▶ [Task description]
Locate the line that contains "#31=IFCLOCALPLACEMENT(#14,#2);" in the entries below, then repeat it and every following line through the line that contains "#41=IFCPRODUCTDEFINITIONSHAPE($,$,(#40));", exactly, and no others.

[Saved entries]

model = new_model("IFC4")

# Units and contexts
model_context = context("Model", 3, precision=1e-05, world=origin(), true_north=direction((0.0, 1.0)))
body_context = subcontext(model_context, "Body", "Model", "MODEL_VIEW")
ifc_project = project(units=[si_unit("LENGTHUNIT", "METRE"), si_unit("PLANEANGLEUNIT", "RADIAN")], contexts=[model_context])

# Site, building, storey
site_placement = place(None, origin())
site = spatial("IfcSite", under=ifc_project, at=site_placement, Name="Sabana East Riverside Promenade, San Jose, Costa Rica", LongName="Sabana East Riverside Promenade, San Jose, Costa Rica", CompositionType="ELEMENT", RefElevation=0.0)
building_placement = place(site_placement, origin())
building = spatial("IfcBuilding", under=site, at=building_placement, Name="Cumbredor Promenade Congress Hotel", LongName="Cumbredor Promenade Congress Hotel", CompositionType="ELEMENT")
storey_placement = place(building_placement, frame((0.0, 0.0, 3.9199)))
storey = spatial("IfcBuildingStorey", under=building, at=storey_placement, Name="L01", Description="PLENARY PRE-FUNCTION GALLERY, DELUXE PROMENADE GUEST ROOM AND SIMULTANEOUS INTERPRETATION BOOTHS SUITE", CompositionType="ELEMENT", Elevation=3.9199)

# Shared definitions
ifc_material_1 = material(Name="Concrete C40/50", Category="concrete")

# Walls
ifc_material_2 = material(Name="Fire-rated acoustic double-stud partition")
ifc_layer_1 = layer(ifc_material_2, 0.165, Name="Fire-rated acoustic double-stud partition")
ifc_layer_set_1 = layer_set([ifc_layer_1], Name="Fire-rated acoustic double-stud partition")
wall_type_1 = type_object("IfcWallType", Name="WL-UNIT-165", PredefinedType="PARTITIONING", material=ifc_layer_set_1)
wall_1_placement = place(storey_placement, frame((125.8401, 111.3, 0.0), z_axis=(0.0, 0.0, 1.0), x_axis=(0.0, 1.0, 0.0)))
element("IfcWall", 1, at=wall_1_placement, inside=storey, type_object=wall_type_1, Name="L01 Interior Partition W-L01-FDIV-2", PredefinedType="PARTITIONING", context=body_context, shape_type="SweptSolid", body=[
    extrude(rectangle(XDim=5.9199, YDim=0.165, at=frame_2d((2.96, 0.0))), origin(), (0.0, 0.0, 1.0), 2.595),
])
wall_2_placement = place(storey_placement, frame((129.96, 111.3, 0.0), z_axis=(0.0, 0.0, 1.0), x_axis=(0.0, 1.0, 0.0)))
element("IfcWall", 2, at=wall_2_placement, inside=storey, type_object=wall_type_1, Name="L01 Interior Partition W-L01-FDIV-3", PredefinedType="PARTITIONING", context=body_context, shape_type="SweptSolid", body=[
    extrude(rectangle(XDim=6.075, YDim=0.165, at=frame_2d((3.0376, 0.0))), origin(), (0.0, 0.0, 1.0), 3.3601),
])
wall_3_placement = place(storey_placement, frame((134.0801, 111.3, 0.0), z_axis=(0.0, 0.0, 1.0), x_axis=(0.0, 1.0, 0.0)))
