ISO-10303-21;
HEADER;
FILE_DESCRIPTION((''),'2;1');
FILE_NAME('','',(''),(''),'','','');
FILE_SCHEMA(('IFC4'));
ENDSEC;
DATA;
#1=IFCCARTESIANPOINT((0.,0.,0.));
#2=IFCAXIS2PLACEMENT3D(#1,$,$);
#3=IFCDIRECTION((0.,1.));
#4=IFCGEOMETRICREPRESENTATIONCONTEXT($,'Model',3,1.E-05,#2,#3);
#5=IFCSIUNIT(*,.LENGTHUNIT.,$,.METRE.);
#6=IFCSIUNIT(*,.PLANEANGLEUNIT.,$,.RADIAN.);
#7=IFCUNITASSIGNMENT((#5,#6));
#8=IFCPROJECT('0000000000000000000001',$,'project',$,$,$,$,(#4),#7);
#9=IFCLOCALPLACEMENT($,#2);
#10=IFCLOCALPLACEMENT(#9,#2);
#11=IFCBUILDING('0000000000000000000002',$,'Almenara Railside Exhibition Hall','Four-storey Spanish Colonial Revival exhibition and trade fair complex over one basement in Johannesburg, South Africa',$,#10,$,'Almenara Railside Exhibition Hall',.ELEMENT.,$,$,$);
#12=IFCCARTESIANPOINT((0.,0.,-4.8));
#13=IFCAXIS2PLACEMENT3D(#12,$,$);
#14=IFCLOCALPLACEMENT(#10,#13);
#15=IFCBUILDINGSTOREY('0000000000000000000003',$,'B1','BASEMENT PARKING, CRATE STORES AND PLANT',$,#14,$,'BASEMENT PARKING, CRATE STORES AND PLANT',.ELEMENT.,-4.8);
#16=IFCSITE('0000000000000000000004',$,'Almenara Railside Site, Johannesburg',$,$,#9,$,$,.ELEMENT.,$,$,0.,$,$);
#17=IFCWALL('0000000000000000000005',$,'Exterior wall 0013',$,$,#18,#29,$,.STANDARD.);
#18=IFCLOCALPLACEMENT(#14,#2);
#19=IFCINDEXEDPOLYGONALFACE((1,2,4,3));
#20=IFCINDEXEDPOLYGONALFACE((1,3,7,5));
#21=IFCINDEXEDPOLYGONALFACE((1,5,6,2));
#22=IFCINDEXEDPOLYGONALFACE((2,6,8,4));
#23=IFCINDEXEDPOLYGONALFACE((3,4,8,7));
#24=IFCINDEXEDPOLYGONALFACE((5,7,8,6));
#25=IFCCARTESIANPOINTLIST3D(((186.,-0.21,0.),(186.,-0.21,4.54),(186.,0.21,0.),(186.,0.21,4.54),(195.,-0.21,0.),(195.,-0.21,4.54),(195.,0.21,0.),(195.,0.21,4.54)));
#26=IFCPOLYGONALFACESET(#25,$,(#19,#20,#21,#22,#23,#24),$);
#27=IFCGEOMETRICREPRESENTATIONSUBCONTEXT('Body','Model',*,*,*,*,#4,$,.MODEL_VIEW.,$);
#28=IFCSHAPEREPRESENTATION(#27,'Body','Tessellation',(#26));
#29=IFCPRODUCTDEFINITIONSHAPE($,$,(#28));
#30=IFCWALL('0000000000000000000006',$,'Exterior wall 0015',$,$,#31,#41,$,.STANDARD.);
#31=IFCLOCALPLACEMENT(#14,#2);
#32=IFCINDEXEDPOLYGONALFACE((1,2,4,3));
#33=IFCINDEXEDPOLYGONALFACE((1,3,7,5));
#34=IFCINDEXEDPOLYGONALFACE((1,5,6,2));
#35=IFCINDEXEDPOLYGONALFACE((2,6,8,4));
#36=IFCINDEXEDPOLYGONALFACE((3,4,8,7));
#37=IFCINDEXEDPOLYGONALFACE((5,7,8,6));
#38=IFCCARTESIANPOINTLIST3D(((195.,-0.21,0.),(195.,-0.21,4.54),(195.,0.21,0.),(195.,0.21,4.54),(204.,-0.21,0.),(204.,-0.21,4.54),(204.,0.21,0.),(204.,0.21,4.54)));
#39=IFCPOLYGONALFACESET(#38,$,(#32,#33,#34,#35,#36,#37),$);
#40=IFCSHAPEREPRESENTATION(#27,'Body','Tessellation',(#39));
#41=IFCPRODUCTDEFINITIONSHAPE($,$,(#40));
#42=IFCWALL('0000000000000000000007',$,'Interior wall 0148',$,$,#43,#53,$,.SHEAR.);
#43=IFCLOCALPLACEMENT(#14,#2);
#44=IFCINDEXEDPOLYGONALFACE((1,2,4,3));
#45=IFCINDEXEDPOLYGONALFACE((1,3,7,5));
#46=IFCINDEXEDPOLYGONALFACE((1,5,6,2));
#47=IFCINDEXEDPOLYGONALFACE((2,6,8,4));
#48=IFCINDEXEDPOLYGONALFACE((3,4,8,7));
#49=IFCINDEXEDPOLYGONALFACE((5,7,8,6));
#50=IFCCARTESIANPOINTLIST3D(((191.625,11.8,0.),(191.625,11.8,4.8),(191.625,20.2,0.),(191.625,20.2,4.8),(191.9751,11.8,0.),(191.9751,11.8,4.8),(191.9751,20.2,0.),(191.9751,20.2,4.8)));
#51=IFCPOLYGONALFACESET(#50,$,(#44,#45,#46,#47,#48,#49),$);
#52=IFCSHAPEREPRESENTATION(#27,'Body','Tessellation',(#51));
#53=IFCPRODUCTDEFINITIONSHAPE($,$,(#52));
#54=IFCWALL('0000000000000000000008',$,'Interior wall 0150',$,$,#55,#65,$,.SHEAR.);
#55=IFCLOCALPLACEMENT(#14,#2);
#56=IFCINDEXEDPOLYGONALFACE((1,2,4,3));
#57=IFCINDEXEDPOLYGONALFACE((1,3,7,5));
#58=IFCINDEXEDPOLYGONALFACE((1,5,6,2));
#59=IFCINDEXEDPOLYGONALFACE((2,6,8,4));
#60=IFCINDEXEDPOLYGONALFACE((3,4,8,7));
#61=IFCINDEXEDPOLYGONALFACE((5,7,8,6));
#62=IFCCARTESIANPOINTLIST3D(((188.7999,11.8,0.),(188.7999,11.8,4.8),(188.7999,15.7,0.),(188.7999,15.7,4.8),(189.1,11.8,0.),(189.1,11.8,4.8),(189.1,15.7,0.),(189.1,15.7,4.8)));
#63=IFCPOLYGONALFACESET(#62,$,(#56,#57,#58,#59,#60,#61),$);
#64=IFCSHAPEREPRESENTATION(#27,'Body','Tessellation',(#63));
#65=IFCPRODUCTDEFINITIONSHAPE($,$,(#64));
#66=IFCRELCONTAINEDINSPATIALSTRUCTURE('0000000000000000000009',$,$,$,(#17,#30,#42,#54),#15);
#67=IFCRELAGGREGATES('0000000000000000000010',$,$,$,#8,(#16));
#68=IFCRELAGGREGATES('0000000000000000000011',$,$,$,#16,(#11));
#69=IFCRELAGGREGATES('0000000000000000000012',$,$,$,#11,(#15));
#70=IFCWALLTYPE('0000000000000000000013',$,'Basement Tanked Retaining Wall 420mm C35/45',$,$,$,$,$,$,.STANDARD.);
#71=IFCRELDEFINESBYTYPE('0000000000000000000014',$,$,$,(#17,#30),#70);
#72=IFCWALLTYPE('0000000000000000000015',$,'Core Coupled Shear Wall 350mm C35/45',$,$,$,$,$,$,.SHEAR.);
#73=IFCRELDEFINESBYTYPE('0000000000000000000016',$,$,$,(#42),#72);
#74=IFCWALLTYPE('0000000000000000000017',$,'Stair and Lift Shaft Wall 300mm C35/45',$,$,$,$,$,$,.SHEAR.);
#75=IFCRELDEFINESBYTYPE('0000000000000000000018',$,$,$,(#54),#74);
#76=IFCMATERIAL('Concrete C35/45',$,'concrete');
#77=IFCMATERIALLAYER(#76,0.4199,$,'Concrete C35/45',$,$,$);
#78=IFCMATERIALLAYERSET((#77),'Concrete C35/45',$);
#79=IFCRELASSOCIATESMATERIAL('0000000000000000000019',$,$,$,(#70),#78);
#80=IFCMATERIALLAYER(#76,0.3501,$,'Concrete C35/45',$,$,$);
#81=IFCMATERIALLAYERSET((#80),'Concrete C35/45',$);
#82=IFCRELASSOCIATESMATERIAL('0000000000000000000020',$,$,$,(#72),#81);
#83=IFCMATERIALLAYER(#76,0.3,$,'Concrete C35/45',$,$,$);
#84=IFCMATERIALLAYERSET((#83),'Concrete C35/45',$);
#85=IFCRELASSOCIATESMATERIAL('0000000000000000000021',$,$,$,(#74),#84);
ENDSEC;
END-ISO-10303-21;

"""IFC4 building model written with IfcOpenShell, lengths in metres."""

from ifc_helpers import new_model, si_unit, direction, frame, frame_2d, origin, place, context, subcontext, project, spatial, rectangle, extrude, material, layer, layer_set, type_object, element, save


model = new_model("IFC4")

# Units and contexts
model_context = context("Model", 3, precision=1e-05, world=origin(), true_north=direction((0.0, 1.0)))
body_context = subcontext(model_context, "Body", "Model", "MODEL_VIEW")
ifc_project = project(units=[si_unit("LENGTHUNIT", "METRE"), si_unit("PLANEANGLEUNIT", "RADIAN")], contexts=[model_context])

# Site, building, storey
site_placement = place(None, origin())
site = spatial("IfcSite", under=ifc_project, at=site_placement, Name="Almenara Railside Site, Johannesburg", CompositionType="ELEMENT", RefElevation=0.0)
building_placement = place(site_placement, origin())
building = spatial("IfcBuilding", under=site, at=building_placement, Name="Almenara Railside Exhibition Hall", Description="Four-storey Spanish Colonial Revival exhibition and trade fair complex over one basement in Johannesburg, South Africa", LongName="Almenara Railside Exhibition Hall", CompositionType="ELEMENT")
storey_placement = place(building_placement, frame((0.0, 0.0, -4.8)))
storey = spatial("IfcBuildingStorey", under=building, at=storey_placement, Name="B1", Description="BASEMENT PARKING, CRATE STORES AND PLANT", LongName="BASEMENT PARKING, CRATE STORES AND PLANT", CompositionType="ELEMENT", Elevation=-4.8)

# Shared definitions
ifc_material_1 = material(Name="Concrete C35/45", Category="concrete")

# Walls
ifc_layer_1 = layer(ifc_material_1, 0.4199, Name="Concrete C35/45")
ifc_layer_set_1 = layer_set([ifc_layer_1], Name="Concrete C35/45")
wall_type_1 = type_object("IfcWallType", Name="Basement Tanked Retaining Wall 420mm C35/45", PredefinedType="STANDARD", material=ifc_layer_set_1)
for number, where, z_axis, x_axis, name in (
    (1, (186.0, 0.0, 0.0), (0.0, 0.0, 1.0), (1.0, 0.0, 0.0), "Exterior wall 0013"),
    (2, (195.0, 0.0, 0.0), (0.0, 0.0, 1.0), (1.0, 0.0, 0.0), "Exterior wall 0015"),
):
    element("IfcWall", number, at=place(storey_placement, frame(where, z_axis=z_axis, x_axis=x_axis)), inside=storey, type_object=wall_type_1, Name=name, PredefinedType="STANDARD", context=body_context, shape_type="SweptSolid", body=[
        extrude(rectangle(XDim=9.0, YDim=0.4199, at=frame_2d((4.5, 0.0))), origin(), (0.0, 0.0, 1.0), 4.54),
    ])
ifc_layer_2 = layer(ifc_material_1, 0.3501, Name="Concrete C35/45")
ifc_layer_set_2 = layer_set([ifc_layer_2], Name="Concrete C35/45")
wall_type_2 = type_object("IfcWallType", Name="Core Coupled Shear Wall 350mm C35/45", PredefinedType="SHEAR", material=ifc_layer_set_2)
wall_1_placement = place(storey_placement, frame((191.8, 11.8, 0.0), z_axis=(0.0, 0.0, 1.0), x_axis=(0.0, 1.0, 0.0)))
element("IfcWall", 3, at=wall_1_placement, inside=storey, type_object=wall_type_2, Name="Interior wall 0148", PredefinedType="SHEAR", context=body_context, shape_type="SweptSolid", body=[
    extrude(rectangle(XDim=8.3999, YDim=0.3501, at=frame_2d((4.2, 0.0))), origin(), (0.0, 0.0, 1.0), 4.8),
])
ifc_layer_3 = layer(ifc_material_1, 0.3, Name="Concrete C35/45")
ifc_layer_set_3 = layer_set([ifc_layer_3], Name="Concrete C35/45")
wall_type_3 = type_object("IfcWallType", Name="Stair and Lift Shaft Wall 300mm C35/45", PredefinedType="SHEAR", material=ifc_layer_set_3)
wall_2_placement = place(storey_placement, frame((188.95, 11.8, 0.0), z_axis=(0.0, 0.0, 1.0), x_axis=(0.0, 1.0, 0.0)))
element("IfcWall", 4, at=wall_2_placement, inside=storey, type_object=wall_type_3, Name="Interior wall 0150", PredefinedType="SHEAR", context=body_context, shape_type="SweptSolid", body=[
    extrude(rectangle(XDim=3.8999, YDim=0.3, at=frame_2d((1.95, 0.0))), origin(), (0.0, 0.0, 1.0), 4.8),
])

save(model, "model.ifc")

▶ [Answer to this exercise]
#31=IFCLOCALPLACEMENT(#14,#2);
#32=IFCINDEXEDPOLYGONALFACE((1,2,4,3));
#33=IFCINDEXEDPOLYGONALFACE((1,3,7,5));
#34=IFCINDEXEDPOLYGONALFACE((1,5,6,2));
#35=IFCINDEXEDPOLYGONALFACE((2,6,8,4));
#36=IFCINDEXEDPOLYGONALFACE((3,4,8,7));
#37=IFCINDEXEDPOLYGONALFACE((5,7,8,6));
#38=IFCCARTESIANPOINTLIST3D(((195.,-0.21,0.),(195.,-0.21,4.54),(195.,0.21,0.),(195.,0.21,4.54),(204.,-0.21,0.),(204.,-0.21,4.54),(204.,0.21,0.),(204.,0.21,4.54)));
#39=IFCPOLYGONALFACESET(#38,$,(#32,#33,#34,#35,#36,#37),$);
#40=IFCSHAPEREPRESENTATION(#27,'Body','Tessellation',(#39));
#41=IFCPRODUCTDEFINITIONSHAPE($,$,(#40));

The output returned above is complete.